Find every line containing the word "IfcWallType" in the records below; report only how many there are.

[Saved entries]
------------------------

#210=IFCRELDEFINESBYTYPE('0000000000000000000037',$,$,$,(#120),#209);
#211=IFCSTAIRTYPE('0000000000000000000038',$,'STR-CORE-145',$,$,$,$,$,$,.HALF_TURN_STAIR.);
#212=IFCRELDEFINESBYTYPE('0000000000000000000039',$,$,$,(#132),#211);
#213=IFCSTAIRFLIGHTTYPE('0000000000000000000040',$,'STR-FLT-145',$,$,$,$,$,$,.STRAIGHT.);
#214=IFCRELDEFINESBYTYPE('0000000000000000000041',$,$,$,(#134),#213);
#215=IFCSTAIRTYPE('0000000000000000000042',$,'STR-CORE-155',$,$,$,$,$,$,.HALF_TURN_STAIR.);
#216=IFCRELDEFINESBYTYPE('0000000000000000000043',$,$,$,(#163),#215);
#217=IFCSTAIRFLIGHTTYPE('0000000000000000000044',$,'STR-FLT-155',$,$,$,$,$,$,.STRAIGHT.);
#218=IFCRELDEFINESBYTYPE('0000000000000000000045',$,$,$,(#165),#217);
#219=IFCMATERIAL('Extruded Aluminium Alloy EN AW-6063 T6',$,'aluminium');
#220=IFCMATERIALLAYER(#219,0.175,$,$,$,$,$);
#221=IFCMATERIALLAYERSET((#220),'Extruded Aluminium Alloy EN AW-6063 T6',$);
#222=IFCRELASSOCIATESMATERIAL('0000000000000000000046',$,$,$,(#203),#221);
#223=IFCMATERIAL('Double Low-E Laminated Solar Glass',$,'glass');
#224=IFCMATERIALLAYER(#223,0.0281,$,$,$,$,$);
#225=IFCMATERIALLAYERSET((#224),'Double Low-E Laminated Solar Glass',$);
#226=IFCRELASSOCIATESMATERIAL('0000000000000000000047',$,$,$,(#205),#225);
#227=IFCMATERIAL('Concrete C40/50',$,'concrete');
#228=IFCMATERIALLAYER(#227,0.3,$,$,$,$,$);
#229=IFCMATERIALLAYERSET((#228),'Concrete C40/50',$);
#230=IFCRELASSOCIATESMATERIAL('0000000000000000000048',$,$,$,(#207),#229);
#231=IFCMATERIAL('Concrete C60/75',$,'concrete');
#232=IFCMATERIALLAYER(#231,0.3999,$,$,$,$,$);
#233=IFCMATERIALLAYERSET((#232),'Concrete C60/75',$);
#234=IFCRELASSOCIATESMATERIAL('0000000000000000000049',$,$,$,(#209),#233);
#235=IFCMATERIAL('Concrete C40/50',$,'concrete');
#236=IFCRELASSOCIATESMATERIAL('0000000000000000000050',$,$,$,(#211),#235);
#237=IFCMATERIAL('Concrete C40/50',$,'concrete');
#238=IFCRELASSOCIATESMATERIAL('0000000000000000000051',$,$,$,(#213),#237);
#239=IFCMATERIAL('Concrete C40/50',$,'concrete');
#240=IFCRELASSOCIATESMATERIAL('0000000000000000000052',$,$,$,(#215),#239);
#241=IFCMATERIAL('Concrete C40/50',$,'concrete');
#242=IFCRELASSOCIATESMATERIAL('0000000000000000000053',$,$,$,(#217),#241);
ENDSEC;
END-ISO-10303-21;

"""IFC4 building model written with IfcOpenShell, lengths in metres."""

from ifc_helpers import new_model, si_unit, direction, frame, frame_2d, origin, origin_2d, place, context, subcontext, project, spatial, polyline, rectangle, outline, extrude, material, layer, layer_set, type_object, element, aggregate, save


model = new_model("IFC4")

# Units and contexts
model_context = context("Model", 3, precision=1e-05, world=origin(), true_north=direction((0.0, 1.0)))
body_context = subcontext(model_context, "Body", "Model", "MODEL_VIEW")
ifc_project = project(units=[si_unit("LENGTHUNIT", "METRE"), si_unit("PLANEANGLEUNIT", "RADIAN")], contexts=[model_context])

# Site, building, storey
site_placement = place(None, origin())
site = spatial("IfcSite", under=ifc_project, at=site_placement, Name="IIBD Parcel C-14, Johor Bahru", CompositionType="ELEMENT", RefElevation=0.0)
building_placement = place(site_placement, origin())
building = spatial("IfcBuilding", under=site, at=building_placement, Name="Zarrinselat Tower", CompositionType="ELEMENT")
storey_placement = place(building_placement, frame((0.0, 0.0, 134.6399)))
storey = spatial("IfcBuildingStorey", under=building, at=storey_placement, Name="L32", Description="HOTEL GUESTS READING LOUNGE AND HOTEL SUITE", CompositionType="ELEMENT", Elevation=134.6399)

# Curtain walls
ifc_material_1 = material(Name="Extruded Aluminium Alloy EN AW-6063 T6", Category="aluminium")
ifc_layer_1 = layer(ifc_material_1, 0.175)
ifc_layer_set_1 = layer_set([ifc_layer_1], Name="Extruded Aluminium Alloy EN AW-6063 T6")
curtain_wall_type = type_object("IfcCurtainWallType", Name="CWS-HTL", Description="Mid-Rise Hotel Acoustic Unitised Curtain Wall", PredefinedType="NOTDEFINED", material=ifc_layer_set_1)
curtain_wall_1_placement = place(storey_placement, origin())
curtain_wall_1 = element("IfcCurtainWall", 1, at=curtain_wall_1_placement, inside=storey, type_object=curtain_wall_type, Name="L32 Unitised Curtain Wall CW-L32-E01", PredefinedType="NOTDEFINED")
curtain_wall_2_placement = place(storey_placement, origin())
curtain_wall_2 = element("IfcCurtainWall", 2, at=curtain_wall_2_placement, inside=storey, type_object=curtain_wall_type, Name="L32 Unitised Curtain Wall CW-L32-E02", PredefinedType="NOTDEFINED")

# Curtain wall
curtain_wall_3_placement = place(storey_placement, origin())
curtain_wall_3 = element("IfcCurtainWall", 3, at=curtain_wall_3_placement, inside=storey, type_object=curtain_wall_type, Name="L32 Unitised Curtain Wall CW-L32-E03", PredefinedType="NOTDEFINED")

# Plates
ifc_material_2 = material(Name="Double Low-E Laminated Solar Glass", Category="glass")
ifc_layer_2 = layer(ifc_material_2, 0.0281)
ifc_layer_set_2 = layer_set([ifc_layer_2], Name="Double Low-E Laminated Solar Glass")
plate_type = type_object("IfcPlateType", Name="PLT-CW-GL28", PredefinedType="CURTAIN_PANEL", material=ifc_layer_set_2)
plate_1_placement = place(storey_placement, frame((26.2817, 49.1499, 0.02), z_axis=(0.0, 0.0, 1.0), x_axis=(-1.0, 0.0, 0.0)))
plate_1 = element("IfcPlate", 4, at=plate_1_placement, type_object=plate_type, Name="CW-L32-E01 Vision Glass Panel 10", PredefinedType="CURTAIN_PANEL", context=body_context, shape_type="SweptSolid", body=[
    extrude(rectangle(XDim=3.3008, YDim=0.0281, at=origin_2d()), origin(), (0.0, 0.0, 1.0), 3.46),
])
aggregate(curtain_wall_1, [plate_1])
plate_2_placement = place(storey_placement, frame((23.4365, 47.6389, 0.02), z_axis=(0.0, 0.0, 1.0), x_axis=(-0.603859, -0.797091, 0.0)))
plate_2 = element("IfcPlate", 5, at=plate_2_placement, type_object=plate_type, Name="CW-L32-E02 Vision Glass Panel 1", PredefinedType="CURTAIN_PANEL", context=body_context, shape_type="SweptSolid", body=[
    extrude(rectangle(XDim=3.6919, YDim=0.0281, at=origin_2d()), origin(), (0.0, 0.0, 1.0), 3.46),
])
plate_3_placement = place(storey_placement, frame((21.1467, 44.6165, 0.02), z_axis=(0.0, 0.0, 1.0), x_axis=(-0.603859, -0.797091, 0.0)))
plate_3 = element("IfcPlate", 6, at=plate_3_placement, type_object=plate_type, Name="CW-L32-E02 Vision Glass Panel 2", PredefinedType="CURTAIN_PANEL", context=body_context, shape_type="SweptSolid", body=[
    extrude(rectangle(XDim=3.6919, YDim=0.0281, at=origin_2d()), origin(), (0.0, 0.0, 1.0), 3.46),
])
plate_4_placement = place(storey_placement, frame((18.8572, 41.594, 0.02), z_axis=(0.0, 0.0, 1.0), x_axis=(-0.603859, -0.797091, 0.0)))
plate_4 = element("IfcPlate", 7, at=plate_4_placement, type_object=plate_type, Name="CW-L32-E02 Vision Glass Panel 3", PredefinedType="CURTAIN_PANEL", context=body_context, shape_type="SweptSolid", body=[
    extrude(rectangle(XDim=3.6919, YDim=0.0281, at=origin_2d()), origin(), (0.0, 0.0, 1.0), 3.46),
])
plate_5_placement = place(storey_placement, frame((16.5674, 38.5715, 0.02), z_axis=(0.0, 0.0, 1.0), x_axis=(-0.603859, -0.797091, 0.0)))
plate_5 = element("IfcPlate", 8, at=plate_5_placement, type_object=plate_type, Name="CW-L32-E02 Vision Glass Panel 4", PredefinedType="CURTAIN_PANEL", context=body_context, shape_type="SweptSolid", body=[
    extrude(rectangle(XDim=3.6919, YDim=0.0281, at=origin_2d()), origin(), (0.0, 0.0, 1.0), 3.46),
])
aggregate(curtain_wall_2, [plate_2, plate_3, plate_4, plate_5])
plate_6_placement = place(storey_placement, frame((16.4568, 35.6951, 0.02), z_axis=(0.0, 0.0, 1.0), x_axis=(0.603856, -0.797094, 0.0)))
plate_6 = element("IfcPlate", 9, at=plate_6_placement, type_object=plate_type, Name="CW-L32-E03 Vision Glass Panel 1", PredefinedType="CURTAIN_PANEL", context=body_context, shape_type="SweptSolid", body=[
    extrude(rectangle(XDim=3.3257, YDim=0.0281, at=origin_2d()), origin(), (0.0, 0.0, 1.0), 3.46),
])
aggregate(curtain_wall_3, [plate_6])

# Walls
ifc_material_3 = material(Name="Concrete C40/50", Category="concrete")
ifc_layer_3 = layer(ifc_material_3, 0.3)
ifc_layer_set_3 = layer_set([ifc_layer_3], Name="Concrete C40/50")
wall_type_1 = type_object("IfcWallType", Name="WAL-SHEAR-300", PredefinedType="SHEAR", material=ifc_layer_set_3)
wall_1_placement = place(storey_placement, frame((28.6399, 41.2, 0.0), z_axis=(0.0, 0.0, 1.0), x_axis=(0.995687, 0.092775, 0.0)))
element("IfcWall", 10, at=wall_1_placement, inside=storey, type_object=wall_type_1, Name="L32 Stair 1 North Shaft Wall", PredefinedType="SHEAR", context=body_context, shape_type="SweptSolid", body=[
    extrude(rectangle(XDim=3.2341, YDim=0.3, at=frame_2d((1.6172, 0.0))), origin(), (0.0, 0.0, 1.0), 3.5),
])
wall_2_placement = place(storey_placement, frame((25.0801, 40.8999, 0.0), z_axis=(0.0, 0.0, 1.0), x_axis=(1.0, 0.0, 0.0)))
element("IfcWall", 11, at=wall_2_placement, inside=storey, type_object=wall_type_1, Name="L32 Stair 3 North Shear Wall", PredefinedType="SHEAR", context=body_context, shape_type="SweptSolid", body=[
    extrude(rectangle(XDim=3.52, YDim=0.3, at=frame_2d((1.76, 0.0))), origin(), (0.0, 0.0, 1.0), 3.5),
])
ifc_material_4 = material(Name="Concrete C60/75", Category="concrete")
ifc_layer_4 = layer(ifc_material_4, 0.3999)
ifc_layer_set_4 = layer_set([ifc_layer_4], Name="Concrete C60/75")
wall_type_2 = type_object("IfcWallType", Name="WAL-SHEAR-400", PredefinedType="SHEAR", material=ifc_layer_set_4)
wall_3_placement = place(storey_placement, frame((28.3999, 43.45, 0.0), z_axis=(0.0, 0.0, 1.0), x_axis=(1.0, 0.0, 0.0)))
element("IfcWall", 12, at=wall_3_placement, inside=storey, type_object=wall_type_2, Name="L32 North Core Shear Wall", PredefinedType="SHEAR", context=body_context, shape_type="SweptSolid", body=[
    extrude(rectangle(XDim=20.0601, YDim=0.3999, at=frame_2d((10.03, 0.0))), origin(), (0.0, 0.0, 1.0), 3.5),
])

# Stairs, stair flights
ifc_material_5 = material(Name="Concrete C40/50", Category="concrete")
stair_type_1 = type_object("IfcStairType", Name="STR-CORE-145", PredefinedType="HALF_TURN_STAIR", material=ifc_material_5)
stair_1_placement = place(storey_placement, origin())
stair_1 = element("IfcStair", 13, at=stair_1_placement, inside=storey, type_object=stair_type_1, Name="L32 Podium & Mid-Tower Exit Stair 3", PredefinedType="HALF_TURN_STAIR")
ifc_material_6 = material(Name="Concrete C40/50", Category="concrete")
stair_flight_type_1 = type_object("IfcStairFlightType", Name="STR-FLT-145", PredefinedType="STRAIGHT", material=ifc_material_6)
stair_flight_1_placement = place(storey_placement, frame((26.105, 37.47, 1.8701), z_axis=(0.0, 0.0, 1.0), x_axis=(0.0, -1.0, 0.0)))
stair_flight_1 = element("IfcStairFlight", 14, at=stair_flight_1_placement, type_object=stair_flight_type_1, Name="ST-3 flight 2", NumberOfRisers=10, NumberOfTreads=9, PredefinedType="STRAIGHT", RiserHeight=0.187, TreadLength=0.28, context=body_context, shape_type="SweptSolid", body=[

------------------------

> _Response below_: 2